=== Record excerpts ===

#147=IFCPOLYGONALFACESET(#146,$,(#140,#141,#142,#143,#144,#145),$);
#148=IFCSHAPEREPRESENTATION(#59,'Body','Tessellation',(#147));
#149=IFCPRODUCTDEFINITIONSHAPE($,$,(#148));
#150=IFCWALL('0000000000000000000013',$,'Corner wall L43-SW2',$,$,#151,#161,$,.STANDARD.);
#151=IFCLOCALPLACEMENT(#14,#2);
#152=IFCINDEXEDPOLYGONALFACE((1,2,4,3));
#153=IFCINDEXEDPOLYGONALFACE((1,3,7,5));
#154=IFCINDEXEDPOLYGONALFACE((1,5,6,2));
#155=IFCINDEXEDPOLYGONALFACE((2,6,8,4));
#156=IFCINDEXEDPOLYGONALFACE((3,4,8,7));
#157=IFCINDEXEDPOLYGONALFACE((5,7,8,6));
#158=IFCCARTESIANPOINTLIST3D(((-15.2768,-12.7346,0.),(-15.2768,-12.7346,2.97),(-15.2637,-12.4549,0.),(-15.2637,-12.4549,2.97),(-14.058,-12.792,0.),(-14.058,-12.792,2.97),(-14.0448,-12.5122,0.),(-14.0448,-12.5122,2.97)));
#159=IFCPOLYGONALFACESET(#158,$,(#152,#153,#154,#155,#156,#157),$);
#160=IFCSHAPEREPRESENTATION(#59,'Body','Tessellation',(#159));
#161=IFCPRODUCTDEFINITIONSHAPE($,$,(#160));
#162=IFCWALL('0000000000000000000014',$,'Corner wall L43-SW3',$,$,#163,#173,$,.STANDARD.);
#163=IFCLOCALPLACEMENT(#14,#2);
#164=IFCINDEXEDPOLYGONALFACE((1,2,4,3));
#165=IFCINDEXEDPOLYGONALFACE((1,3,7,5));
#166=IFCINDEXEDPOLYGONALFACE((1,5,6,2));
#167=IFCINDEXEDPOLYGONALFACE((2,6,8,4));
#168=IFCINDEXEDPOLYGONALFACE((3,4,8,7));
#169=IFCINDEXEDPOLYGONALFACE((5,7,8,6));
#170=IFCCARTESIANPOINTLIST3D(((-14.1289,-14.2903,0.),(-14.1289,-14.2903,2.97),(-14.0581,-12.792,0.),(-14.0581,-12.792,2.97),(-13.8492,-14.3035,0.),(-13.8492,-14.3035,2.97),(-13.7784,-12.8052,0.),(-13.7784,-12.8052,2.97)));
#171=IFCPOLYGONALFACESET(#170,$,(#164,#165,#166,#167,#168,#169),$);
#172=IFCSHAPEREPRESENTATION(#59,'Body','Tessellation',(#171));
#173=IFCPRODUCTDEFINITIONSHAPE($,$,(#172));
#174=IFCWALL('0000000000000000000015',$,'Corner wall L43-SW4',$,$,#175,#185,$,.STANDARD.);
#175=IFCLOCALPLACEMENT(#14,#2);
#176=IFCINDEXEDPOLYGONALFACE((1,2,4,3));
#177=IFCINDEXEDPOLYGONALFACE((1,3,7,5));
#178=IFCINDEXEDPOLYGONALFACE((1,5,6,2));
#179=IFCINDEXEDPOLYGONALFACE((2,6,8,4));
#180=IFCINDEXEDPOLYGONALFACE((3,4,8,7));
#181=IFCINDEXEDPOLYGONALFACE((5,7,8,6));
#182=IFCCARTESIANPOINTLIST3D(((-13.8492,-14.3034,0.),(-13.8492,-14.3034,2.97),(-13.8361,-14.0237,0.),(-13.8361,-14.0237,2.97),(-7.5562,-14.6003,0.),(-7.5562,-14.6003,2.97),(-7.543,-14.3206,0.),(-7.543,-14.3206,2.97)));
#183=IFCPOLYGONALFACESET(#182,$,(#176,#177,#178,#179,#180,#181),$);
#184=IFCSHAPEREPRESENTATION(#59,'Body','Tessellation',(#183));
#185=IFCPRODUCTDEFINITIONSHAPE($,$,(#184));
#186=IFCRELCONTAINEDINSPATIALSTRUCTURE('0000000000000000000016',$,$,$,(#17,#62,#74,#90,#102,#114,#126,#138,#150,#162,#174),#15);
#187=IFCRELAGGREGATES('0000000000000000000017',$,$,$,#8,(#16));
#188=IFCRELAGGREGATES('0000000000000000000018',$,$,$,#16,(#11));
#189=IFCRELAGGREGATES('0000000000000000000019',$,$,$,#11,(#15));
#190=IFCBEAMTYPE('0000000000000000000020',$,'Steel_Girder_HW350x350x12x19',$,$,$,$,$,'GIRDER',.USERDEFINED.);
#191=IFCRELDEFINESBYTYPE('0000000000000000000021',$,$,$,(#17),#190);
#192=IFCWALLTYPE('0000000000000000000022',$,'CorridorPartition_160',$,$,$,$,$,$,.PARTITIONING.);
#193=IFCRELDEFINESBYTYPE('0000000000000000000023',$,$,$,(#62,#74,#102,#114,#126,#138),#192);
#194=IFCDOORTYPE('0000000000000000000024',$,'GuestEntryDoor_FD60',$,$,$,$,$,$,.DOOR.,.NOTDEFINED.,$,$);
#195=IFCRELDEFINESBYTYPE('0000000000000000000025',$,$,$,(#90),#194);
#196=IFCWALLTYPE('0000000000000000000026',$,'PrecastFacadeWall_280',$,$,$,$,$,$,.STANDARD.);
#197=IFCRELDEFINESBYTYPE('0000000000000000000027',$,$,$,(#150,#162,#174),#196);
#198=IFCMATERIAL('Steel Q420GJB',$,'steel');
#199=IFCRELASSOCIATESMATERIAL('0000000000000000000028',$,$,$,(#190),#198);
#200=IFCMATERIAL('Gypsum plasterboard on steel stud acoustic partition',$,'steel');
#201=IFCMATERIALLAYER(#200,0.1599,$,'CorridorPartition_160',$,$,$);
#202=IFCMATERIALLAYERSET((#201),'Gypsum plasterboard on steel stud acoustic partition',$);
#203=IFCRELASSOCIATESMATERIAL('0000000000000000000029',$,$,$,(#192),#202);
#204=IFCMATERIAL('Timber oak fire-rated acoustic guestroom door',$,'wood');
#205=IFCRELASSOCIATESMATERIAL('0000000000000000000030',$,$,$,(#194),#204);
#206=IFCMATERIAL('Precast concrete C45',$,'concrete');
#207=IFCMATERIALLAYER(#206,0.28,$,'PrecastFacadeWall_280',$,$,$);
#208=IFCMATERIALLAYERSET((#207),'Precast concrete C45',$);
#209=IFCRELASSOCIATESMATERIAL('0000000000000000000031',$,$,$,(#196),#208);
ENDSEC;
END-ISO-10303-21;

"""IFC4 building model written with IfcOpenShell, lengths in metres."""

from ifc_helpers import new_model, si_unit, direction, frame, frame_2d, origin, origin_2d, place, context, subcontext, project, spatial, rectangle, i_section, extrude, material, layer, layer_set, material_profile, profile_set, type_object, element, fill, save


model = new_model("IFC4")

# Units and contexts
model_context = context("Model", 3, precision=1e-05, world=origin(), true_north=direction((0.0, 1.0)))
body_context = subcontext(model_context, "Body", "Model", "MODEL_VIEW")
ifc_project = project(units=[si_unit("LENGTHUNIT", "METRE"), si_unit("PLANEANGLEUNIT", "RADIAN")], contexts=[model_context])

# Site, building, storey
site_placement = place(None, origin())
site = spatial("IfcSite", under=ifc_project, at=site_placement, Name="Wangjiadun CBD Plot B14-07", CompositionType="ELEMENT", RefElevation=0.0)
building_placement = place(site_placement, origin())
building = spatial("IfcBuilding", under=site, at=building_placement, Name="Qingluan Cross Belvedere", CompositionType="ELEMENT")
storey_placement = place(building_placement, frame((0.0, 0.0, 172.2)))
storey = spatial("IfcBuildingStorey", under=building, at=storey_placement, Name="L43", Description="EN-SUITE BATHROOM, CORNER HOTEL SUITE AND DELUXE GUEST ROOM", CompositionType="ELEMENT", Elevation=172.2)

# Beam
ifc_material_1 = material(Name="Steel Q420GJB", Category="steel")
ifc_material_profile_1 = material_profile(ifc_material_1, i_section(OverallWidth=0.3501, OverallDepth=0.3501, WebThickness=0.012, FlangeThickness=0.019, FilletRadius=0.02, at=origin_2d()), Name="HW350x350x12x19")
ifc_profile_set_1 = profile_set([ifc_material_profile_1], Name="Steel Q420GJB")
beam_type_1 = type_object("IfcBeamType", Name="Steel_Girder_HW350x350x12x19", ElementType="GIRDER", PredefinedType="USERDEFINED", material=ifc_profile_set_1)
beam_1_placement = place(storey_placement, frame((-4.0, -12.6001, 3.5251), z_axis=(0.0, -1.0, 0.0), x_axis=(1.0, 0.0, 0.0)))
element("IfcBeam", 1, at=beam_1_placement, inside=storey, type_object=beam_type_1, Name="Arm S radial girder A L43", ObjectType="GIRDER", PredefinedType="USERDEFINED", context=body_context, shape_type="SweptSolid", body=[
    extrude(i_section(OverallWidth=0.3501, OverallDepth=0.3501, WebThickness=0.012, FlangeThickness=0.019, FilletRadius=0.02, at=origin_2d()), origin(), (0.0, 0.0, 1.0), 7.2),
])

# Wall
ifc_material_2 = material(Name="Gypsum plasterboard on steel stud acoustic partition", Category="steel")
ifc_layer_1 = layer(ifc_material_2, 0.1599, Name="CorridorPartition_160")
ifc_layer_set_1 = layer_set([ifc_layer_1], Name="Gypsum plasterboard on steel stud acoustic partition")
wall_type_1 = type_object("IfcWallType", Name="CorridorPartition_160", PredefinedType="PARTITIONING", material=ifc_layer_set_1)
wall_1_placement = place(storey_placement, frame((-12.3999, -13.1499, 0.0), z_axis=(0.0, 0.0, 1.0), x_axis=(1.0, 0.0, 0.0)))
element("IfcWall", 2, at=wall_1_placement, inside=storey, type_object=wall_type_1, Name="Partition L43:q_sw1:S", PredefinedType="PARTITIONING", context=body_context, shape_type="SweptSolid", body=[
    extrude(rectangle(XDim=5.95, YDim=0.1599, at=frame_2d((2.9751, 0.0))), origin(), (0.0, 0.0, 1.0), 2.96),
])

===

What is needed :: Using the records above, write out exactly the lines between the one holding "#172=IFCSHAPEREPRESENTATION(#59,'Body','Tessellation',(#171));" and the one holding "#181=IFCINDEXEDPOLYGONALFACE((5,7,8,6));", inclusive; leave everything else out.

Answer area ::
#172=IFCSHAPEREPRESENTATION(#59,'Body','Tessellation',(#171));
#173=IFCPRODUCTDEFINITIONSHAPE($,$,(#172));
#174=IFCWALL('0000000000000000000015',$,'Corner wall L43-SW4',$,$,#175,#185,$,.STANDARD.);
#175=IFCLOCALPLACEMENT(#14,#2);
#176=IFCINDEXEDPOLYGONALFACE((1,2,4,3));
#177=IFCINDEXEDPOLYGONALFACE((1,3,7,5));
#178=IFCINDEXEDPOLYGONALFACE((1,5,6,2));
#179=IFCINDEXEDPOLYGONALFACE((2,6,8,4));
#180=IFCINDEXEDPOLYGONALFACE((3,4,8,7));
#181=IFCINDEXEDPOLYGONALFACE((5,7,8,6));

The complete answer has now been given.